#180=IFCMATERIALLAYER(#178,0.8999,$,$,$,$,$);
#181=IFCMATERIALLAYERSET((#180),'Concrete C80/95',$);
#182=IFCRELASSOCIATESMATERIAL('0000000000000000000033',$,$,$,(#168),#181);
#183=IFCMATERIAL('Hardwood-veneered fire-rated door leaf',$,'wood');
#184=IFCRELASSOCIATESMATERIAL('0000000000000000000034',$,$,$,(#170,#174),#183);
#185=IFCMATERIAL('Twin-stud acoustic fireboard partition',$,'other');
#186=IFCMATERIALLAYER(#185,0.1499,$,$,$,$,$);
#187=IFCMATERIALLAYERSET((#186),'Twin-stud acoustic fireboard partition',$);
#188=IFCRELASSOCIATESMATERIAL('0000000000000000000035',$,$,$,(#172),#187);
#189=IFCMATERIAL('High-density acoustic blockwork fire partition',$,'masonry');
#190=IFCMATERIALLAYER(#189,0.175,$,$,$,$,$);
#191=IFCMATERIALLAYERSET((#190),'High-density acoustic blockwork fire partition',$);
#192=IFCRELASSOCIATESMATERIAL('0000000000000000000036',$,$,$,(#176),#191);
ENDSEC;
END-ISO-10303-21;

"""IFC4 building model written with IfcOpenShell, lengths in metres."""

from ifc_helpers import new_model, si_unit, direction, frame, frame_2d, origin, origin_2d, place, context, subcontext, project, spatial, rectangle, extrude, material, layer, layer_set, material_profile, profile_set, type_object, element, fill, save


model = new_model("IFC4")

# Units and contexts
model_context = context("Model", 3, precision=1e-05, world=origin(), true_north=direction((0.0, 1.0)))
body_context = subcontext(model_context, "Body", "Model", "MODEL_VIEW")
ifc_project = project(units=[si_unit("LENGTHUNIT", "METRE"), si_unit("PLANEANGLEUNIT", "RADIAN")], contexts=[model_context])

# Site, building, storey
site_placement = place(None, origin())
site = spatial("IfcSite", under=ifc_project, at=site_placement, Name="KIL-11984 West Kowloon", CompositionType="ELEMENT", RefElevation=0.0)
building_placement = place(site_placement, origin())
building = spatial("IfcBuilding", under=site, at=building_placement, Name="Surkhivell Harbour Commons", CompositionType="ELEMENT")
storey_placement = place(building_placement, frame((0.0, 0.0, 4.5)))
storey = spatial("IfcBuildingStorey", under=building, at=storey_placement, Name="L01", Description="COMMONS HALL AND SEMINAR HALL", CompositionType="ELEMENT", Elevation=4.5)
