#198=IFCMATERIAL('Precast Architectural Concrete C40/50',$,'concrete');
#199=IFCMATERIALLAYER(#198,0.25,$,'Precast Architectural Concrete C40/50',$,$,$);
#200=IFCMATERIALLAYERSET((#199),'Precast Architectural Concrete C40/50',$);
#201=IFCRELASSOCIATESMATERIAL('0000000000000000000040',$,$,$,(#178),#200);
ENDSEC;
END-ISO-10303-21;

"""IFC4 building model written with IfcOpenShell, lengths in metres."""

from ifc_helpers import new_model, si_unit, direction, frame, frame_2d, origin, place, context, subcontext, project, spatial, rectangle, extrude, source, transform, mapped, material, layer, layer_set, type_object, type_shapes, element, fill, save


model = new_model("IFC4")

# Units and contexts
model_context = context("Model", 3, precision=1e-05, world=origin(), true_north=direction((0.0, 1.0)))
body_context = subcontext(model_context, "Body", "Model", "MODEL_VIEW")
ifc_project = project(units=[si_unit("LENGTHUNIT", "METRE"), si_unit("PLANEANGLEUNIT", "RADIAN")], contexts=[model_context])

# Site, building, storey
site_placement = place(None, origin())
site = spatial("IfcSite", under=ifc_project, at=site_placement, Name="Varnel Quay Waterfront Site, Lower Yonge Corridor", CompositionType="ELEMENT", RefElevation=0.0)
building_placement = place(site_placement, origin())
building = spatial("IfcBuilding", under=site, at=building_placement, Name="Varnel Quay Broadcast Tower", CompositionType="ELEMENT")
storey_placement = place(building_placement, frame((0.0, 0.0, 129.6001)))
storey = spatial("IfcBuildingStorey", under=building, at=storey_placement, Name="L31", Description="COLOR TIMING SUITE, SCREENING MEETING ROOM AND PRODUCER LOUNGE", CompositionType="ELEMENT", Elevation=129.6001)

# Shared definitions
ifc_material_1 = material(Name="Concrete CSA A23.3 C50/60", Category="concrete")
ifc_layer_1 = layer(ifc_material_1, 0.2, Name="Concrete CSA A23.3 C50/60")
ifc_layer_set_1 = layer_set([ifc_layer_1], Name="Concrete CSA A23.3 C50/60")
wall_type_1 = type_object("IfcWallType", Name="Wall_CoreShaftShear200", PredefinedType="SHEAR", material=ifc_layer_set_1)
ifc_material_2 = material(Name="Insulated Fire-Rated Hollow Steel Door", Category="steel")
========
#### [Problem requirements]
Line for line, the material above should be repeated exactly.

#### [Result]
#180=IFCMATERIALLAYER(#178,0.8999,$,$,$,$,$);
#181=IFCMATERIALLAYERSET((#180),'Concrete C80/95',$);
#182=IFCRELASSOCIATESMATERIAL('0000000000000000000033',$,$,$,(#168),#181);
#183=IFCMATERIAL('Hardwood-veneered fire-rated door leaf',$,'wood');
#184=IFCRELASSOCIATESMATERIAL('0000000000000000000034',$,$,$,(#170,#174),#183);
#185=IFCMATERIAL('Twin-stud acoustic fireboard partition',$,'other');
#186=IFCMATERIALLAYER(#185,0.1499,$,$,$,$,$);
#187=IFCMATERIALLAYERSET((#186),'Twin-stud acoustic fireboard partition',$);
#188=IFCRELASSOCIATESMATERIAL('0000000000000000000035',$,$,$,(#172),#187);
#189=IFCMATERIAL('High-density acoustic blockwork fire partition',$,'masonry');
#190=IFCMATERIALLAYER(#189,0.175,$,$,$,$,$);
#191=IFCMATERIALLAYERSET((#190),'High-density acoustic blockwork fire partition',$);
#192=IFCRELASSOCIATESMATERIAL('0000000000000000000036',$,$,$,(#176),#191);
ENDSEC;
END-ISO-10303-21;

"""IFC4 building model written with IfcOpenShell, lengths in metres."""

from ifc_helpers import new_model, si_unit, direction, frame, frame_2d, origin, origin_2d, place, context, subcontext, project, spatial, rectangle, extrude, material, layer, layer_set, material_profile, profile_set, type_object, element, fill, save


model = new_model("IFC4")

# Units and contexts
model_context = context("Model", 3, precision=1e-05, world=origin(), true_north=direction((0.0, 1.0)))
body_context = subcontext(model_context, "Body", "Model", "MODEL_VIEW")
ifc_project = project(units=[si_unit("LENGTHUNIT", "METRE"), si_unit("PLANEANGLEUNIT", "RADIAN")], contexts=[model_context])

# Site, building, storey
site_placement = place(None, origin())
site = spatial("IfcSite", under=ifc_project, at=site_placement, Name="KIL-11984 West Kowloon", CompositionType="ELEMENT", RefElevation=0.0)
building_placement = place(site_placement, origin())
building = spatial("IfcBuilding", under=site, at=building_placement, Name="Surkhivell Harbour Commons", CompositionType="ELEMENT")
storey_placement = place(building_placement, frame((0.0, 0.0, 4.5)))
storey = spatial("IfcBuildingStorey", under=building, at=storey_placement, Name="L01", Description="COMMONS HALL AND SEMINAR HALL", CompositionType="ELEMENT", Elevation=4.5)
#198=IFCMATERIAL('Precast Architectural Concrete C40/50',$,'concrete');
#199=IFCMATERIALLAYER(#198,0.25,$,'Precast Architectural Concrete C40/50',$,$,$);
#200=IFCMATERIALLAYERSET((#199),'Precast Architectural Concrete C40/50',$);
#201=IFCRELASSOCIATESMATERIAL('0000000000000000000040',$,$,$,(#178),#200);
ENDSEC;
END-ISO-10303-21;

"""IFC4 building model written with IfcOpenShell, lengths in metres."""

from ifc_helpers import new_model, si_unit, direction, frame, frame_2d, origin, place, context, subcontext, project, spatial, rectangle, extrude, source, transform, mapped, material, layer, layer_set, type_object, type_shapes, element, fill, save


model = new_model("IFC4")

# Units and contexts
model_context = context("Model", 3, precision=1e-05, world=origin(), true_north=direction((0.0, 1.0)))
body_context = subcontext(model_context, "Body", "Model", "MODEL_VIEW")
ifc_project = project(units=[si_unit("LENGTHUNIT", "METRE"), si_unit("PLANEANGLEUNIT", "RADIAN")], contexts=[model_context])

# Site, building, storey
site_placement = place(None, origin())
site = spatial("IfcSite", under=ifc_project, at=site_placement, Name="Varnel Quay Waterfront Site, Lower Yonge Corridor", CompositionType="ELEMENT", RefElevation=0.0)
building_placement = place(site_placement, origin())
building = spatial("IfcBuilding", under=site, at=building_placement, Name="Varnel Quay Broadcast Tower", CompositionType="ELEMENT")
storey_placement = place(building_placement, frame((0.0, 0.0, 129.6001)))
storey = spatial("IfcBuildingStorey", under=building, at=storey_placement, Name="L31", Description="COLOR TIMING SUITE, SCREENING MEETING ROOM AND PRODUCER LOUNGE", CompositionType="ELEMENT", Elevation=129.6001)

# Shared definitions
ifc_material_1 = material(Name="Concrete CSA A23.3 C50/60", Category="concrete")
ifc_layer_1 = layer(ifc_material_1, 0.2, Name="Concrete CSA A23.3 C50/60")
ifc_layer_set_1 = layer_set([ifc_layer_1], Name="Concrete CSA A23.3 C50/60")
wall_type_1 = type_object("IfcWallType", Name="Wall_CoreShaftShear200", PredefinedType="SHEAR", material=ifc_layer_set_1)
ifc_material_2 = material(Name="Insulated Fire-Rated Hollow Steel Door", Category="steel")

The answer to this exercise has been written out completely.